=== WHAT YOU NEED TO DO ===
A word-for-word transcription of the listing is all that is needed.

=== SUPPLIED MATERIAL ===
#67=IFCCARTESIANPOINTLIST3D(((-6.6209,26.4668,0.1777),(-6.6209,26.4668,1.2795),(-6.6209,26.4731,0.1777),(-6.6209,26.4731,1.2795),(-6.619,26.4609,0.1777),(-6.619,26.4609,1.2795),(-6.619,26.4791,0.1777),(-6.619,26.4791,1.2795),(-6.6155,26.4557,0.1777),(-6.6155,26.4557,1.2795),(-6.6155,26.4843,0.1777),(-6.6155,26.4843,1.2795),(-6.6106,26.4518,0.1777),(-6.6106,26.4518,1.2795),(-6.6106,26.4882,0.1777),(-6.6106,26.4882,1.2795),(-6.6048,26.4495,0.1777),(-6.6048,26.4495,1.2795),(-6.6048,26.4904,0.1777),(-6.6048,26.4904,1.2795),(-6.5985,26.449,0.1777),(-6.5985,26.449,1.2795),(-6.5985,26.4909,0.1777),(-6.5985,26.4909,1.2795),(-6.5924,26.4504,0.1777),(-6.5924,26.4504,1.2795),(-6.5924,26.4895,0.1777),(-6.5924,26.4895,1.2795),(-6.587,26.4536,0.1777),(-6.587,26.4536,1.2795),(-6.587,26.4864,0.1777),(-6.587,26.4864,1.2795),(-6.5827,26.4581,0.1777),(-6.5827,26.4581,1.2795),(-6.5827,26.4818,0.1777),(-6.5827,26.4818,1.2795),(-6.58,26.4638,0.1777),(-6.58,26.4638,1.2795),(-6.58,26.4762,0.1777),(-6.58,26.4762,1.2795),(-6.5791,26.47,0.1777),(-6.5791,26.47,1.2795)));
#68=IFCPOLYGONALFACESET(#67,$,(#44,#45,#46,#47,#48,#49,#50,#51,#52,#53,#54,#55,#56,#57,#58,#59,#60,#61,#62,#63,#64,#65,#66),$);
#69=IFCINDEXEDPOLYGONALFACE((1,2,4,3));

=== SOLVED EXERCISE ===
#67=IFCCARTESIANPOINTLIST3D(((-6.6209,26.4668,0.1777),(-6.6209,26.4668,1.2795),(-6.6209,26.4731,0.1777),(-6.6209,26.4731,1.2795),(-6.619,26.4609,0.1777),(-6.619,26.4609,1.2795),(-6.619,26.4791,0.1777),(-6.619,26.4791,1.2795),(-6.6155,26.4557,0.1777),(-6.6155,26.4557,1.2795),(-6.6155,26.4843,0.1777),(-6.6155,26.4843,1.2795),(-6.6106,26.4518,0.1777),(-6.6106,26.4518,1.2795),(-6.6106,26.4882,0.1777),(-6.6106,26.4882,1.2795),(-6.6048,26.4495,0.1777),(-6.6048,26.4495,1.2795),(-6.6048,26.4904,0.1777),(-6.6048,26.4904,1.2795),(-6.5985,26.449,0.1777),(-6.5985,26.449,1.2795),(-6.5985,26.4909,0.1777),(-6.5985,26.4909,1.2795),(-6.5924,26.4504,0.1777),(-6.5924,26.4504,1.2795),(-6.5924,26.4895,0.1777),(-6.5924,26.4895,1.2795),(-6.587,26.4536,0.1777),(-6.587,26.4536,1.2795),(-6.587,26.4864,0.1777),(-6.587,26.4864,1.2795),(-6.5827,26.4581,0.1777),(-6.5827,26.4581,1.2795),(-6.5827,26.4818,0.1777),(-6.5827,26.4818,1.2795),(-6.58,26.4638,0.1777),(-6.58,26.4638,1.2795),(-6.58,26.4762,0.1777),(-6.58,26.4762,1.2795),(-6.5791,26.47,0.1777),(-6.5791,26.47,1.2795)));
#68=IFCPOLYGONALFACESET(#67,$,(#44,#45,#46,#47,#48,#49,#50,#51,#52,#53,#54,#55,#56,#57,#58,#59,#60,#61,#62,#63,#64,#65,#66),$);
#69=IFCINDEXEDPOLYGONALFACE((1,2,4,3));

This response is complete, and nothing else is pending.